(Assignment): Between the line containing "#93=IFCINDEXEDPOLYGONALFACE((53,54,58,57));" and the line containing "#98=IFCINDEXEDPOLYGONALFACE((63,67,68,64));" lies a run of lines; give that run again exactly, with both of those lines, and nothing else from the entries below.

>>>>>

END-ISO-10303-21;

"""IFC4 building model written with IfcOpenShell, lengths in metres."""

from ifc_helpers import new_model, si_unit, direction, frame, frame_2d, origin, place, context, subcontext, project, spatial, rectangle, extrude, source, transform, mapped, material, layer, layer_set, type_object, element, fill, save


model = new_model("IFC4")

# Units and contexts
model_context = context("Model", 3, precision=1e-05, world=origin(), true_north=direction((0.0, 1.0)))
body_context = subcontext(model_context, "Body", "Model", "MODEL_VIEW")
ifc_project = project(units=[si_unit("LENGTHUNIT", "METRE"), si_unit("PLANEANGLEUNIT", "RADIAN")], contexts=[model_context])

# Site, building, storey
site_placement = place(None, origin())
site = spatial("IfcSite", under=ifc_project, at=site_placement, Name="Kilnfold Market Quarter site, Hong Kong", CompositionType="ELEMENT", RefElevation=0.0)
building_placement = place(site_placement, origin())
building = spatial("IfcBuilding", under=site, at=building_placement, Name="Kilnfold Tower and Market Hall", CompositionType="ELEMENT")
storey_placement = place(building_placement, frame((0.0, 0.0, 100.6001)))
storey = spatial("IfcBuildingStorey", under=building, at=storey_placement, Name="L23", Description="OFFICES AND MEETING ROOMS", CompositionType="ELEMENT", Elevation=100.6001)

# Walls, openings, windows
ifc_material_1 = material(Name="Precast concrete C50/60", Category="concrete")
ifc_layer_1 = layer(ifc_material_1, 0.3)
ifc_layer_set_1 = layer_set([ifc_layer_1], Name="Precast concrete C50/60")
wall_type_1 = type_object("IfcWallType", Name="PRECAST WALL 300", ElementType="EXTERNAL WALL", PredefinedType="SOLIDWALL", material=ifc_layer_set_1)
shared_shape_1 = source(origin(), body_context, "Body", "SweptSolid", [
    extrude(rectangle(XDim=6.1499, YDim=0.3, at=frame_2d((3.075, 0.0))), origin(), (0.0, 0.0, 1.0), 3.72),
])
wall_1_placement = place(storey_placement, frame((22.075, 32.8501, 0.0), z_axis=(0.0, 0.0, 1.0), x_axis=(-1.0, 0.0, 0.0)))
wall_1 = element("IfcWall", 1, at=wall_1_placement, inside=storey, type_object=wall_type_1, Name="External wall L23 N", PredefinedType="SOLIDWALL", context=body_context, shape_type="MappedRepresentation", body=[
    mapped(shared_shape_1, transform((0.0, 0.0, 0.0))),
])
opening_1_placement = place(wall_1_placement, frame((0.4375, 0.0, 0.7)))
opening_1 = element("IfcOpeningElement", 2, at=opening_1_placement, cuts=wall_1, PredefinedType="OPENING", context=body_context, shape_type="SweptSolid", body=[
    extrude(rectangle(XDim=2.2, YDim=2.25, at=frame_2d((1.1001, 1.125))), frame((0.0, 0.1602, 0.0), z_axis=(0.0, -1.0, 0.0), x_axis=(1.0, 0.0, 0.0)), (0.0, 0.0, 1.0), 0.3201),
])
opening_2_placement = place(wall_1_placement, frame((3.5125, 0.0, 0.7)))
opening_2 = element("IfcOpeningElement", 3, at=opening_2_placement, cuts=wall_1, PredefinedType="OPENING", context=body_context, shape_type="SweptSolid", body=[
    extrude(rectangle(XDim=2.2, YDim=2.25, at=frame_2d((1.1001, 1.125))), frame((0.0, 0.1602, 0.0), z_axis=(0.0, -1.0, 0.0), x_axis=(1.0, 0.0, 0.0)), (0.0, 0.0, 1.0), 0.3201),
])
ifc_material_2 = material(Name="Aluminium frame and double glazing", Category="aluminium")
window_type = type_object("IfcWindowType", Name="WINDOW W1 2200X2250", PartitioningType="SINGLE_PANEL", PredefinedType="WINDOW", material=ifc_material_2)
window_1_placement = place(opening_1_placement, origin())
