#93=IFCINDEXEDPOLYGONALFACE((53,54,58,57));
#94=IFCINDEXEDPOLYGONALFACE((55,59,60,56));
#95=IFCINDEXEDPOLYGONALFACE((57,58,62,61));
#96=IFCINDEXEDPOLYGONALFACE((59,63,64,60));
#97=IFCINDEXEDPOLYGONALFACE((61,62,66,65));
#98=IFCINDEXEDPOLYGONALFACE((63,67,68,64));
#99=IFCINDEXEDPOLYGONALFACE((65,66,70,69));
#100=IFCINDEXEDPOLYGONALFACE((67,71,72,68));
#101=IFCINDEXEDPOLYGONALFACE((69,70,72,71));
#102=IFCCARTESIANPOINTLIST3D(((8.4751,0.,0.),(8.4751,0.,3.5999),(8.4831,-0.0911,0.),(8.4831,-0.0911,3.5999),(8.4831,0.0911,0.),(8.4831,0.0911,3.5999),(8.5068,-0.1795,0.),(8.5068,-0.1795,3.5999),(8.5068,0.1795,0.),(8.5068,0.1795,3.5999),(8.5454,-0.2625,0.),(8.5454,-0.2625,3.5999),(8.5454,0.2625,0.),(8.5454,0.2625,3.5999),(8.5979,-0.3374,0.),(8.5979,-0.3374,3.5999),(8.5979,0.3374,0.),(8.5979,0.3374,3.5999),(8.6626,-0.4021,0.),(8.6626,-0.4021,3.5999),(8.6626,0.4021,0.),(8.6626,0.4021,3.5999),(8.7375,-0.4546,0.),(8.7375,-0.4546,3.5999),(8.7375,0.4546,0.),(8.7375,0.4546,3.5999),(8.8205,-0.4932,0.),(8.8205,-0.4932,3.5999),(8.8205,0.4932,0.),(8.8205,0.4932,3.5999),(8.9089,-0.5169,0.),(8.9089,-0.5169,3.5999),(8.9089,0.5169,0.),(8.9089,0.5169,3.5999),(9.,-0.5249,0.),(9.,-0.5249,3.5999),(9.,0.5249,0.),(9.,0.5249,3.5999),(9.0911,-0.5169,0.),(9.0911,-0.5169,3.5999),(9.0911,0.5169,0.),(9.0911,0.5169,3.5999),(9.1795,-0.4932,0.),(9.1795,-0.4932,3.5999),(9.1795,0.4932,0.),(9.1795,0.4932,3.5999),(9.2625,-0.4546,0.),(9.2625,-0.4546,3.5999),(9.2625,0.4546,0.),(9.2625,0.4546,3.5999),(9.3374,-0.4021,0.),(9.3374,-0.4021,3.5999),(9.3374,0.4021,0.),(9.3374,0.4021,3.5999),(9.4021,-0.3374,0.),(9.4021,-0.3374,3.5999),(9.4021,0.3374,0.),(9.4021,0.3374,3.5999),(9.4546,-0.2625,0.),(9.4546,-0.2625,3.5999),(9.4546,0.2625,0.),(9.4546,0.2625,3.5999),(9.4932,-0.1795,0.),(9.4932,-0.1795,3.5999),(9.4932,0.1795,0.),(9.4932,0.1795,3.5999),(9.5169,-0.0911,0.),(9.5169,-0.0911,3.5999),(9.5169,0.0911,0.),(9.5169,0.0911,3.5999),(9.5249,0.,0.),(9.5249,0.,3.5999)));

<<<<<

(Exercise output):
#93=IFCINDEXEDPOLYGONALFACE((53,54,58,57));
#94=IFCINDEXEDPOLYGONALFACE((55,59,60,56));
#95=IFCINDEXEDPOLYGONALFACE((57,58,62,61));
#96=IFCINDEXEDPOLYGONALFACE((59,63,64,60));
#97=IFCINDEXEDPOLYGONALFACE((61,62,66,65));
#98=IFCINDEXEDPOLYGONALFACE((63,67,68,64));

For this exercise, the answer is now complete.